• **Data for the task**

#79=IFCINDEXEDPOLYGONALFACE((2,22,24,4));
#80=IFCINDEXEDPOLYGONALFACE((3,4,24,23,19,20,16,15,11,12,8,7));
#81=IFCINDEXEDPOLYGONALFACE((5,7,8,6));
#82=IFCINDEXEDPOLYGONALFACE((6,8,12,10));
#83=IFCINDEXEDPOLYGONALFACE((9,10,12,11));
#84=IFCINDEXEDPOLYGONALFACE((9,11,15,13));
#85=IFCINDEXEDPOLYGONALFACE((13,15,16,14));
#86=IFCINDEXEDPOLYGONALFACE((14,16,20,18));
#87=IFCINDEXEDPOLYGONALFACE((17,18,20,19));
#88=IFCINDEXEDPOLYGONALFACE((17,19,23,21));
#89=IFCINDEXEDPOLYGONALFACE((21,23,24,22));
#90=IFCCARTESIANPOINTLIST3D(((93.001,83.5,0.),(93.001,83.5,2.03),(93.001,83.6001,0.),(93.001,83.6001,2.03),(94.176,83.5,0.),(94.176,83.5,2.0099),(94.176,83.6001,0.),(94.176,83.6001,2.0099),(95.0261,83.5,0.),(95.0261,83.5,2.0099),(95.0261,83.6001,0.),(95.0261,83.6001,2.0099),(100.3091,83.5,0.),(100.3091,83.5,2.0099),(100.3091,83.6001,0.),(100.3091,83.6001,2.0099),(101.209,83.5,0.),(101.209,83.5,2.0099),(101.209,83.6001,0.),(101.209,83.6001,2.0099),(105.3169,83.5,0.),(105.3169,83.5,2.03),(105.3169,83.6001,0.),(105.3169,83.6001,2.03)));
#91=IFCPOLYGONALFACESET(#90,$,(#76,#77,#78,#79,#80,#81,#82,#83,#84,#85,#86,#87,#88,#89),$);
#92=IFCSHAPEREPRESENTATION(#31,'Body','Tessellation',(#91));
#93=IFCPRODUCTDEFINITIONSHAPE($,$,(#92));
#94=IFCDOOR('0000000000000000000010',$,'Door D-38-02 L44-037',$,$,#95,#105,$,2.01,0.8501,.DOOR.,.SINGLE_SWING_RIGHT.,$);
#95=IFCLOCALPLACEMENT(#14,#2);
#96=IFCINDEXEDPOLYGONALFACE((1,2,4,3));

• **Exercise aim**
Nothing but the lines from the one that contains "#84=IFCINDEXEDPOLYGONALFACE((9,11,15,13));" through the end of the data above should appear, each reproduced exactly.

• **Exercise solution**
#84=IFCINDEXEDPOLYGONALFACE((9,11,15,13));
#85=IFCINDEXEDPOLYGONALFACE((13,15,16,14));
#86=IFCINDEXEDPOLYGONALFACE((14,16,20,18));
#87=IFCINDEXEDPOLYGONALFACE((17,18,20,19));
#88=IFCINDEXEDPOLYGONALFACE((17,19,23,21));
#89=IFCINDEXEDPOLYGONALFACE((21,23,24,22));
#90=IFCCARTESIANPOINTLIST3D(((93.001,83.5,0.),(93.001,83.5,2.03),(93.001,83.6001,0.),(93.001,83.6001,2.03),(94.176,83.5,0.),(94.176,83.5,2.0099),(94.176,83.6001,0.),(94.176,83.6001,2.0099),(95.0261,83.5,0.),(95.0261,83.5,2.0099),(95.0261,83.6001,0.),(95.0261,83.6001,2.0099),(100.3091,83.5,0.),(100.3091,83.5,2.0099),(100.3091,83.6001,0.),(100.3091,83.6001,2.0099),(101.209,83.5,0.),(101.209,83.5,2.0099),(101.209,83.6001,0.),(101.209,83.6001,2.0099),(105.3169,83.5,0.),(105.3169,83.5,2.03),(105.3169,83.6001,0.),(105.3169,83.6001,2.03)));
#91=IFCPOLYGONALFACESET(#90,$,(#76,#77,#78,#79,#80,#81,#82,#83,#84,#85,#86,#87,#88,#89),$);
#92=IFCSHAPEREPRESENTATION(#31,'Body','Tessellation',(#91));
#93=IFCPRODUCTDEFINITIONSHAPE($,$,(#92));
#94=IFCDOOR('0000000000000000000010',$,'Door D-38-02 L44-037',$,$,#95,#105,$,2.01,0.8501,.DOOR.,.SINGLE_SWING_RIGHT.,$);
#95=IFCLOCALPLACEMENT(#14,#2);
#96=IFCINDEXEDPOLYGONALFACE((1,2,4,3));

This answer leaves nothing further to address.